▸ Task statement
Find the line with "building_placement = place(site_placement, origin())" in the records below. Copy it and every line after it, up to and including the line with "ROOM, HOTEL OFFICE".

▸ Data to use
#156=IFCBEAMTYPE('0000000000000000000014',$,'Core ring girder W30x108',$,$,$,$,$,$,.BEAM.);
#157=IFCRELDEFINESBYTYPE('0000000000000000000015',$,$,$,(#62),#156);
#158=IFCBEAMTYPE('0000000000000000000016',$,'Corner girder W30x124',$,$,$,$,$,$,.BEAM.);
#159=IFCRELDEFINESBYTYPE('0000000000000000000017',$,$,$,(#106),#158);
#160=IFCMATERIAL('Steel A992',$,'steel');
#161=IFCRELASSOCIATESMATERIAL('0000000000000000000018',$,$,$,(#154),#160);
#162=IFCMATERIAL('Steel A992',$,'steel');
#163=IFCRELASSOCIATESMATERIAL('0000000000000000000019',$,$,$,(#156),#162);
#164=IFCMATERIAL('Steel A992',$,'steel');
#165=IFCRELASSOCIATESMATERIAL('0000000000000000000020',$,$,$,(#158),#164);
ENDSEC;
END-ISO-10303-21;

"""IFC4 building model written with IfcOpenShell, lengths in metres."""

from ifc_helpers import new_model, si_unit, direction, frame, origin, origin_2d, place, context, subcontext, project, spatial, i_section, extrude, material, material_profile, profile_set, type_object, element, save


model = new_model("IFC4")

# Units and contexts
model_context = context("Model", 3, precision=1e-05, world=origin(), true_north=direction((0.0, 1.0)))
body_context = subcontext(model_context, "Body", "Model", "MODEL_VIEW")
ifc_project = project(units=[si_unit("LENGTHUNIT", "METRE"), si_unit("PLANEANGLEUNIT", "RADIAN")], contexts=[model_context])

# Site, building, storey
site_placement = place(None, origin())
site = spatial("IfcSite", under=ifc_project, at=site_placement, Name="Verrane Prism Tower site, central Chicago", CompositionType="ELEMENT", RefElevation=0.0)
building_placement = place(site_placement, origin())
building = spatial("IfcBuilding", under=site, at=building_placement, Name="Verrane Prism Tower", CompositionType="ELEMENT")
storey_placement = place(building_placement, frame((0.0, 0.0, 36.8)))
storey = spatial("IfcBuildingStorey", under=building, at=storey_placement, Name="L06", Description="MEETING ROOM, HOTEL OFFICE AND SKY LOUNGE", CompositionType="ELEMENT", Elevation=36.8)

--

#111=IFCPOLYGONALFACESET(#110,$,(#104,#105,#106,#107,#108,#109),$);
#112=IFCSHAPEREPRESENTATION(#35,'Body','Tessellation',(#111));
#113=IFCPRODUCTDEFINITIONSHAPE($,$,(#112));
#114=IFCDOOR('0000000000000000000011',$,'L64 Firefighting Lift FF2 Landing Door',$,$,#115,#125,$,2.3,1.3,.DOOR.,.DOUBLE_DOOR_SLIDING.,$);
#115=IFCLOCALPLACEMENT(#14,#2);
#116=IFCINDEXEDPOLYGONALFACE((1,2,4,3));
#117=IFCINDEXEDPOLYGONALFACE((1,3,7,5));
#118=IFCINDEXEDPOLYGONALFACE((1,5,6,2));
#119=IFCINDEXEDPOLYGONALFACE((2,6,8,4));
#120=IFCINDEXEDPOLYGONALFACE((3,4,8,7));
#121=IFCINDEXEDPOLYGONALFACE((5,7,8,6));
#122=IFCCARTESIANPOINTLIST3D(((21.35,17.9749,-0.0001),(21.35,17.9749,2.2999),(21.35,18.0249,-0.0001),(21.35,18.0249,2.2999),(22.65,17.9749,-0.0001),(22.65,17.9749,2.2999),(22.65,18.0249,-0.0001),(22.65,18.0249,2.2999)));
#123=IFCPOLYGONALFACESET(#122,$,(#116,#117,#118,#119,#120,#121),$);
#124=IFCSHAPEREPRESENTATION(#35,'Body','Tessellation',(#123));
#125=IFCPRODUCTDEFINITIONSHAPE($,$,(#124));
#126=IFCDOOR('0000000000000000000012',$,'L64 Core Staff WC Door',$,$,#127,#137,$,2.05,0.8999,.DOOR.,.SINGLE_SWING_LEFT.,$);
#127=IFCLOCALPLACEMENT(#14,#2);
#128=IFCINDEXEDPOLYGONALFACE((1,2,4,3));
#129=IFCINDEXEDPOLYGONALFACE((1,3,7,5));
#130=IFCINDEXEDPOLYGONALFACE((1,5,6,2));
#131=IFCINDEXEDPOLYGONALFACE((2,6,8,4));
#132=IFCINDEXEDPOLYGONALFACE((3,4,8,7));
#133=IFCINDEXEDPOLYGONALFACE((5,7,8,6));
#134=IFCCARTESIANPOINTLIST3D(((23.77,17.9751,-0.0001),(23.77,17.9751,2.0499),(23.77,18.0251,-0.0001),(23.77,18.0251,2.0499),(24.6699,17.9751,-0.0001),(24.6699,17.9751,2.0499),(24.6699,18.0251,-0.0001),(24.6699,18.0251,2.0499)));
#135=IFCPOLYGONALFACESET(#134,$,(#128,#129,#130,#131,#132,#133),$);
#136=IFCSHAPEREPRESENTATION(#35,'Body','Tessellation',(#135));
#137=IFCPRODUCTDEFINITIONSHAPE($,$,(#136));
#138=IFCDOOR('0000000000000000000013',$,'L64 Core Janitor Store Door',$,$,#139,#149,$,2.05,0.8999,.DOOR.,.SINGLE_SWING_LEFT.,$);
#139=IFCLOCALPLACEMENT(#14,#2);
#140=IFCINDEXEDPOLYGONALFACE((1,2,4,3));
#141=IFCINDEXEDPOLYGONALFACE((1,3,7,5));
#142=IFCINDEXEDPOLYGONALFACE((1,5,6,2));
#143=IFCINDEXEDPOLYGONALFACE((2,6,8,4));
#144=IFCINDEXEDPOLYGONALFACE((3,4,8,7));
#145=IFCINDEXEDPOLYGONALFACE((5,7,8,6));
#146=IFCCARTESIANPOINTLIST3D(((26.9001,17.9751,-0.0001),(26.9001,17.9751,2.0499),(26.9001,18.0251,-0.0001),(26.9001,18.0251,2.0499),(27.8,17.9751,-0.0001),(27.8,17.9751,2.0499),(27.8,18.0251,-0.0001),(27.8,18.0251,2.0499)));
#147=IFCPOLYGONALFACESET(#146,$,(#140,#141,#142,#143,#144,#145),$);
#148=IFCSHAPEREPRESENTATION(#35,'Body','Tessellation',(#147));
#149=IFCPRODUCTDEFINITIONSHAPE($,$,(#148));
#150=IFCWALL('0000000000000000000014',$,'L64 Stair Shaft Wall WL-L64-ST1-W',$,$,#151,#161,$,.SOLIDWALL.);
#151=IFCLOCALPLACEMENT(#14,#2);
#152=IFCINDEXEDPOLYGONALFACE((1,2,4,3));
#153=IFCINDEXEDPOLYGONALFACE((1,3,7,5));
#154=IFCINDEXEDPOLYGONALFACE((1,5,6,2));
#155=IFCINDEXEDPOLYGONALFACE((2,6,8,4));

▸ Result of this task
building_placement = place(site_placement, origin())
building = spatial("IfcBuilding", under=site, at=building_placement, Name="Verrane Prism Tower", CompositionType="ELEMENT")
storey_placement = place(building_placement, frame((0.0, 0.0, 36.8)))
storey = spatial("IfcBuildingStorey", under=building, at=storey_placement, Name="L06", Description="MEETING ROOM, HOTEL OFFICE AND SKY LOUNGE", CompositionType="ELEMENT", Elevation=36.8)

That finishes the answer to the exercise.